Segment Start: RECORDS SUPPLIED

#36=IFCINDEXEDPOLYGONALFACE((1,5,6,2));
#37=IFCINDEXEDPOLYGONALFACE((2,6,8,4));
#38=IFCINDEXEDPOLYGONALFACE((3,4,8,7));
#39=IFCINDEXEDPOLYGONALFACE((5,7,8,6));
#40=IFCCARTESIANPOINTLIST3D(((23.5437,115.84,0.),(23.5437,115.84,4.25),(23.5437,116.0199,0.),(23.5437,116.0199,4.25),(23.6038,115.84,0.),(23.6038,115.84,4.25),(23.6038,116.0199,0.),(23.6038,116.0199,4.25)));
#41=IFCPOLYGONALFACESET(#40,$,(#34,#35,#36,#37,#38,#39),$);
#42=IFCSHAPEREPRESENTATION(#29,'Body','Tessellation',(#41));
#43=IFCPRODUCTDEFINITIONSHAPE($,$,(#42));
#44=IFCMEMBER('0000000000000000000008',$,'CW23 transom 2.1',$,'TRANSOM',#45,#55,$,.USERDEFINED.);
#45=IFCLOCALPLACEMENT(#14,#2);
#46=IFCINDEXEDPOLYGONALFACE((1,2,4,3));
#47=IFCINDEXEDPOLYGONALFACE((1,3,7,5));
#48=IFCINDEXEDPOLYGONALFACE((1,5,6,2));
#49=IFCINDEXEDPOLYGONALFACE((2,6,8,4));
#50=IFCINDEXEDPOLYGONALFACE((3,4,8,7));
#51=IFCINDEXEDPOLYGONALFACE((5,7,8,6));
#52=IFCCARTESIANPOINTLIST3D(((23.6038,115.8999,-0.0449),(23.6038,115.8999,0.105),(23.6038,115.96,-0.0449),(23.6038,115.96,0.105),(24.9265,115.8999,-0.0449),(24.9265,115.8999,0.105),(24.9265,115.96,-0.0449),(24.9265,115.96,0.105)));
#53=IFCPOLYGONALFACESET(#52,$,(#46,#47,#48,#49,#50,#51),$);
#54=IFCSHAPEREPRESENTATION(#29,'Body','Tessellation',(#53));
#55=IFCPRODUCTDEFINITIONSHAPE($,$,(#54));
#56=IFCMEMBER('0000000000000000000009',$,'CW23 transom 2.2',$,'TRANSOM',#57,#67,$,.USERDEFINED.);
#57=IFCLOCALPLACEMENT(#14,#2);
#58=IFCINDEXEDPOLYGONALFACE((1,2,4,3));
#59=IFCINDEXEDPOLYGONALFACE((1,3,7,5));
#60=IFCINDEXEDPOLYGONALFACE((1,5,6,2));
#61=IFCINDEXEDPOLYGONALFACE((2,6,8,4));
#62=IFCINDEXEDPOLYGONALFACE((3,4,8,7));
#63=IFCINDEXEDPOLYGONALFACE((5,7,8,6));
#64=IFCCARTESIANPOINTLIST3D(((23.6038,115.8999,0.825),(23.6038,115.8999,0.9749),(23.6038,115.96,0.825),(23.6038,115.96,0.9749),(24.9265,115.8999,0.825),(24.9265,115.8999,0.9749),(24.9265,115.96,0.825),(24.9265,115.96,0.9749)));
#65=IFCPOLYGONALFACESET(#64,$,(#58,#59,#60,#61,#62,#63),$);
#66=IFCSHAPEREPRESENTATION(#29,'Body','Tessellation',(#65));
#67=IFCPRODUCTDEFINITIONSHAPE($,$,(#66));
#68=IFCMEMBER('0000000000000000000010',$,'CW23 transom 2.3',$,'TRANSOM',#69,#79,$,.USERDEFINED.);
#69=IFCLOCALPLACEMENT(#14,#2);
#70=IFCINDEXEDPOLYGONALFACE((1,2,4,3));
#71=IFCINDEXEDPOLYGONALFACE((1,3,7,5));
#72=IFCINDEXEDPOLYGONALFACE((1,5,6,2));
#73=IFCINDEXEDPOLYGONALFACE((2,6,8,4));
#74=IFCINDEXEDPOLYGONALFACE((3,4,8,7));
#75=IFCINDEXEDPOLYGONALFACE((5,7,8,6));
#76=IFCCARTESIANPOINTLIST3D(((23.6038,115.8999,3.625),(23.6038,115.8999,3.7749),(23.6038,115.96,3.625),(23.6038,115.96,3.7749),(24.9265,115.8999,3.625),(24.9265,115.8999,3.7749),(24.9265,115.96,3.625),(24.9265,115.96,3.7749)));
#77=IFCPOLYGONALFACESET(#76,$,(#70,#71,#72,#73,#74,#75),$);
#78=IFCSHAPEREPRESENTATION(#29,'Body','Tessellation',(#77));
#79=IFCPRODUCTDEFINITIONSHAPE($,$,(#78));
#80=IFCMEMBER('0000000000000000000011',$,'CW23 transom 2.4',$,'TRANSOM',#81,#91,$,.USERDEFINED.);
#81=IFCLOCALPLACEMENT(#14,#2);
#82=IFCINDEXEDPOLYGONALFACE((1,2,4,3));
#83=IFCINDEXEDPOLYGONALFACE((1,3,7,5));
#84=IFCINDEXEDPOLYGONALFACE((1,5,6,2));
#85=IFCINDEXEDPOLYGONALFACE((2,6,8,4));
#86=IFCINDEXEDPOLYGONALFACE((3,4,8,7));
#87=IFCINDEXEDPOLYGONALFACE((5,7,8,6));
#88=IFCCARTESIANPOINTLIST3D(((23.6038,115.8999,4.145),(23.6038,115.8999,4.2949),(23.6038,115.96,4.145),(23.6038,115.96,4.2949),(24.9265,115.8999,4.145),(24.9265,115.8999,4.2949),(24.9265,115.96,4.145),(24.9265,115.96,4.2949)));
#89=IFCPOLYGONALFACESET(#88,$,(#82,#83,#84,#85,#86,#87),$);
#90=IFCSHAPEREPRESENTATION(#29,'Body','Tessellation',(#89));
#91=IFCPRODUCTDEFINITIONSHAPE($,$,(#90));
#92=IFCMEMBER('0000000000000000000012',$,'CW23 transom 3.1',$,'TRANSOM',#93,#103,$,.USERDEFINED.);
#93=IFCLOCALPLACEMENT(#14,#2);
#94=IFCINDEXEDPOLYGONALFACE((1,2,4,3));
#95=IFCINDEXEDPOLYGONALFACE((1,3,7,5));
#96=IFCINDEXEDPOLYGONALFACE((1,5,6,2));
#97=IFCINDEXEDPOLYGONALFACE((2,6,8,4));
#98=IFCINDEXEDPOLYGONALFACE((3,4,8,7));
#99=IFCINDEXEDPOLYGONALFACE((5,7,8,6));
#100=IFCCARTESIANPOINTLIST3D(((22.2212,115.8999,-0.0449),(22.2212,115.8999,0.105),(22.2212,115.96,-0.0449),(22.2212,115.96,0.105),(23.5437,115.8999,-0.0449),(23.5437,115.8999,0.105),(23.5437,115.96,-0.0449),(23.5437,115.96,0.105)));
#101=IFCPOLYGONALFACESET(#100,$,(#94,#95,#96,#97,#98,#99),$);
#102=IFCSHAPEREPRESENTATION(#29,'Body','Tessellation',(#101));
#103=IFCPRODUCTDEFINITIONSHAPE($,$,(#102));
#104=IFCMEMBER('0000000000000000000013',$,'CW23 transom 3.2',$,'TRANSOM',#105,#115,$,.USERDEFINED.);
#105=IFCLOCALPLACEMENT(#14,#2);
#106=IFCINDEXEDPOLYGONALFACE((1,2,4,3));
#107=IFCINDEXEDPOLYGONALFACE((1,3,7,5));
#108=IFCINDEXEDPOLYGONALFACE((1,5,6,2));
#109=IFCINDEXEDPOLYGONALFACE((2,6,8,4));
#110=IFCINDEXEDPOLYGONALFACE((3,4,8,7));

Segment End: RECORDS SUPPLIED

## WORK REQUEST
Give back, exactly as written, the stretch from the line with "#67=IFCPRODUCTDEFINITIONSHAPE($,$,(#66));" through the line with "#71=IFCINDEXEDPOLYGONALFACE((1,3,7,5));", and no other lines from the records above.

## WRITTEN SOLUTION
#67=IFCPRODUCTDEFINITIONSHAPE($,$,(#66));
#68=IFCMEMBER('0000000000000000000010',$,'CW23 transom 2.3',$,'TRANSOM',#69,#79,$,.USERDEFINED.);
#69=IFCLOCALPLACEMENT(#14,#2);
#70=IFCINDEXEDPOLYGONALFACE((1,2,4,3));
#71=IFCINDEXEDPOLYGONALFACE((1,3,7,5));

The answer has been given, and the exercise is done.